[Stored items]
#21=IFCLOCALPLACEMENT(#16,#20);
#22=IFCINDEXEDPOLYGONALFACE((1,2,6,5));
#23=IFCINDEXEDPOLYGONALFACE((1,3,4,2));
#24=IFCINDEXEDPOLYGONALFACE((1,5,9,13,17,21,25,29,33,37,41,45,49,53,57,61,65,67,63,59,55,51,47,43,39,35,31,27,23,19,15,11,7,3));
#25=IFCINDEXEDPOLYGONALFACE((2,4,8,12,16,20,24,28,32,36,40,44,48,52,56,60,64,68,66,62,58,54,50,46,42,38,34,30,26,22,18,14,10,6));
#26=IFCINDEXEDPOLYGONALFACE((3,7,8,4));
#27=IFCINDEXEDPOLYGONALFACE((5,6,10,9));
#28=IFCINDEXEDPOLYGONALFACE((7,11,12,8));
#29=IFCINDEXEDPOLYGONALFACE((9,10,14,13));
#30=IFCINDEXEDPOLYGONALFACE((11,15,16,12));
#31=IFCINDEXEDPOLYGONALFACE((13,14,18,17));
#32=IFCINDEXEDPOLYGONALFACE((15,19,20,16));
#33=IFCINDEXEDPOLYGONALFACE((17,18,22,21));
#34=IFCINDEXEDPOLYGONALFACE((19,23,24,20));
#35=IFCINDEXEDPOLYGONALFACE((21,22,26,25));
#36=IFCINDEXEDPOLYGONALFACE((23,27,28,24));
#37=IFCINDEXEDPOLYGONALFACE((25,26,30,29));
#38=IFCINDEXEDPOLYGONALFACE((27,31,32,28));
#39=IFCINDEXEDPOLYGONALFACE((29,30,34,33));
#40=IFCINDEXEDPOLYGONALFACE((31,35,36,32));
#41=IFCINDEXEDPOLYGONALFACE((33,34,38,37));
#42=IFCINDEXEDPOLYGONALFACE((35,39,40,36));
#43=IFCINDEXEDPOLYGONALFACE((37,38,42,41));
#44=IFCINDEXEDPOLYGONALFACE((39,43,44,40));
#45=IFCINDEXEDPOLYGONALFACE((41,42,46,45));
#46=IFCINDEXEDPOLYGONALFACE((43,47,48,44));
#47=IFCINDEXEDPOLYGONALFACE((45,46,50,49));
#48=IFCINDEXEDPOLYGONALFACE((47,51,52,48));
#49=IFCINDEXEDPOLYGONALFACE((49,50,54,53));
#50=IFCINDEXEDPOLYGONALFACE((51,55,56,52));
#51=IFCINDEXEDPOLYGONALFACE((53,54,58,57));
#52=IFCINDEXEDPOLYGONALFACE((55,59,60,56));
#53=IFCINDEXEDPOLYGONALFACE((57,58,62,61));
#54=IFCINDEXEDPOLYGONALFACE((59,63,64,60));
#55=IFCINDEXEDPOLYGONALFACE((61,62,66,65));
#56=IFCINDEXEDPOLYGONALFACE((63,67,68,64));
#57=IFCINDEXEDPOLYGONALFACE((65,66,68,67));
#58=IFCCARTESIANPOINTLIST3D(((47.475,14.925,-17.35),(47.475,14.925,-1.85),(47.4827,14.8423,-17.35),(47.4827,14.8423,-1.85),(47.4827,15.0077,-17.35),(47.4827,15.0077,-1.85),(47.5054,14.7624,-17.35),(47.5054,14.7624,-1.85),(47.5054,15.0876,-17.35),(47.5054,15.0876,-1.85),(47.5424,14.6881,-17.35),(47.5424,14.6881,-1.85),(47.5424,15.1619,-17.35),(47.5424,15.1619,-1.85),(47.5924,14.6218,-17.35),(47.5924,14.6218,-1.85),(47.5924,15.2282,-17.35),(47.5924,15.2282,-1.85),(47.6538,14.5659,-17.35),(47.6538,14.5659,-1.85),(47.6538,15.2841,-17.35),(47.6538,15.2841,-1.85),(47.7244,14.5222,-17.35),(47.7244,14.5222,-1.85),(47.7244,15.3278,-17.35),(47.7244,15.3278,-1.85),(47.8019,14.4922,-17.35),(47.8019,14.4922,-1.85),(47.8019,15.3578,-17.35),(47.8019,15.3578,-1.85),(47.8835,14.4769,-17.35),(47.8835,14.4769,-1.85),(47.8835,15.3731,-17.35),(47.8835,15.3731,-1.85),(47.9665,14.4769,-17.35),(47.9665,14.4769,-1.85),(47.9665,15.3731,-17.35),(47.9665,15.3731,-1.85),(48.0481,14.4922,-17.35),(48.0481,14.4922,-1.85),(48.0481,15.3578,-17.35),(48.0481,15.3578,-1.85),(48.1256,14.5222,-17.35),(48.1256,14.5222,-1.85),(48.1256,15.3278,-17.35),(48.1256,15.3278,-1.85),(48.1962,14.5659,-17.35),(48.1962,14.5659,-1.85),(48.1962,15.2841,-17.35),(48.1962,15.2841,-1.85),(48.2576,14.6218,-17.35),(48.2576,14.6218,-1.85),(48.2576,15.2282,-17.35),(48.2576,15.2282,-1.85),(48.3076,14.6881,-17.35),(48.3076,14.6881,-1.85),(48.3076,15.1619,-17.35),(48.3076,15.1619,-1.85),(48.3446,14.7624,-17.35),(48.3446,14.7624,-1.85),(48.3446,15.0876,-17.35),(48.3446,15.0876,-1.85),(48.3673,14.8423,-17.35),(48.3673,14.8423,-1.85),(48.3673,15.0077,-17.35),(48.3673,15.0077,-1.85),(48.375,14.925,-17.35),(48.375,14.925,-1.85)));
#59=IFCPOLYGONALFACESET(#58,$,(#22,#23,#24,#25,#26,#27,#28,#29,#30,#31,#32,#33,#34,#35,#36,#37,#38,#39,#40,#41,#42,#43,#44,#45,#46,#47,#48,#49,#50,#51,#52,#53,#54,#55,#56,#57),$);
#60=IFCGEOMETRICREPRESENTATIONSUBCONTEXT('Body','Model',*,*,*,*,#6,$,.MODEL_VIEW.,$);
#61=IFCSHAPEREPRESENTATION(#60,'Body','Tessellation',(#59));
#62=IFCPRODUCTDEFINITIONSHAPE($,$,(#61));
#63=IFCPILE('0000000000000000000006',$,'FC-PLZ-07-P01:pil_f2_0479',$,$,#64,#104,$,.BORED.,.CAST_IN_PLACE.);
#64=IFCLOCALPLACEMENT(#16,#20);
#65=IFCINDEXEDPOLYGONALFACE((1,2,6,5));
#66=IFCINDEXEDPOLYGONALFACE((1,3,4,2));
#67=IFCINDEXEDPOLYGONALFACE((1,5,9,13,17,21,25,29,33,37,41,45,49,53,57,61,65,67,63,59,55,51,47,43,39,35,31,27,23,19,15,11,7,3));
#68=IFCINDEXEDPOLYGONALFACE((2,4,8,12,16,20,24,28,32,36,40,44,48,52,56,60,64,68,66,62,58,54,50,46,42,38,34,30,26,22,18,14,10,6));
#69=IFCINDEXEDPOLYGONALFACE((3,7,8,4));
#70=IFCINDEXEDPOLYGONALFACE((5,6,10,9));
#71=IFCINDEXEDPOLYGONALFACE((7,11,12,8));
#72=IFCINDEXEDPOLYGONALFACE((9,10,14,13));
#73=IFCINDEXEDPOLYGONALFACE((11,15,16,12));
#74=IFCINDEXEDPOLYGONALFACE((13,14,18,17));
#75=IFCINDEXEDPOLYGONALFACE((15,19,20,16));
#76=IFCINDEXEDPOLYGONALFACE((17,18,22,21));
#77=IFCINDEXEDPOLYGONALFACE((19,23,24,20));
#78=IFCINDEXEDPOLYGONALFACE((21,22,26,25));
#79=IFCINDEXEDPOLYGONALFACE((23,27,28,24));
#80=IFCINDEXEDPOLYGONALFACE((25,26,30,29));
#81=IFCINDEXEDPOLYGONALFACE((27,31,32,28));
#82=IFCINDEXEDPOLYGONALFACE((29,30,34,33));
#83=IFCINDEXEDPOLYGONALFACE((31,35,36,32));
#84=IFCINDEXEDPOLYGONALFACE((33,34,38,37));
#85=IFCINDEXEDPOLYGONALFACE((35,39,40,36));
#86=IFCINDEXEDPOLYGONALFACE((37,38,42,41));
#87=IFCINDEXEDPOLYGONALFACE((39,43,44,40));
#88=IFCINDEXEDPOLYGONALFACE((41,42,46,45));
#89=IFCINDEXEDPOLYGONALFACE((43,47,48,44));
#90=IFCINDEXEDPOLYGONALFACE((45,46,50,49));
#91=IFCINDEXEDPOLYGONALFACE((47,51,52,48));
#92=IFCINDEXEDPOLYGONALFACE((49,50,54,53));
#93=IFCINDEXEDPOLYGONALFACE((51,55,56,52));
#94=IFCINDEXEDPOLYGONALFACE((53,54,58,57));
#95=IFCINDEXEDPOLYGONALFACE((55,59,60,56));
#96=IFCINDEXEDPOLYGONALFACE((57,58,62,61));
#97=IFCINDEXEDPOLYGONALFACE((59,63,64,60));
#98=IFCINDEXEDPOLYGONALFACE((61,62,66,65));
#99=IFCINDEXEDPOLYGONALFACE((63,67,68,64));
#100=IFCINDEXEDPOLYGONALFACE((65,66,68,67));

§ **Directions for this task**: Starting at the line that contains "#83=IFCINDEXEDPOLYGONALFACE((31,35,36,32));" and stopping after the line that contains "#90=IFCINDEXEDPOLYGONALFACE((45,46,50,49));", write out every line exactly as it appears above, and no other line.

§ **Written solution**:
#83=IFCINDEXEDPOLYGONALFACE((31,35,36,32));
#84=IFCINDEXEDPOLYGONALFACE((33,34,38,37));
#85=IFCINDEXEDPOLYGONALFACE((35,39,40,36));
#86=IFCINDEXEDPOLYGONALFACE((37,38,42,41));
#87=IFCINDEXEDPOLYGONALFACE((39,43,44,40));
#88=IFCINDEXEDPOLYGONALFACE((41,42,46,45));
#89=IFCINDEXEDPOLYGONALFACE((43,47,48,44));
#90=IFCINDEXEDPOLYGONALFACE((45,46,50,49));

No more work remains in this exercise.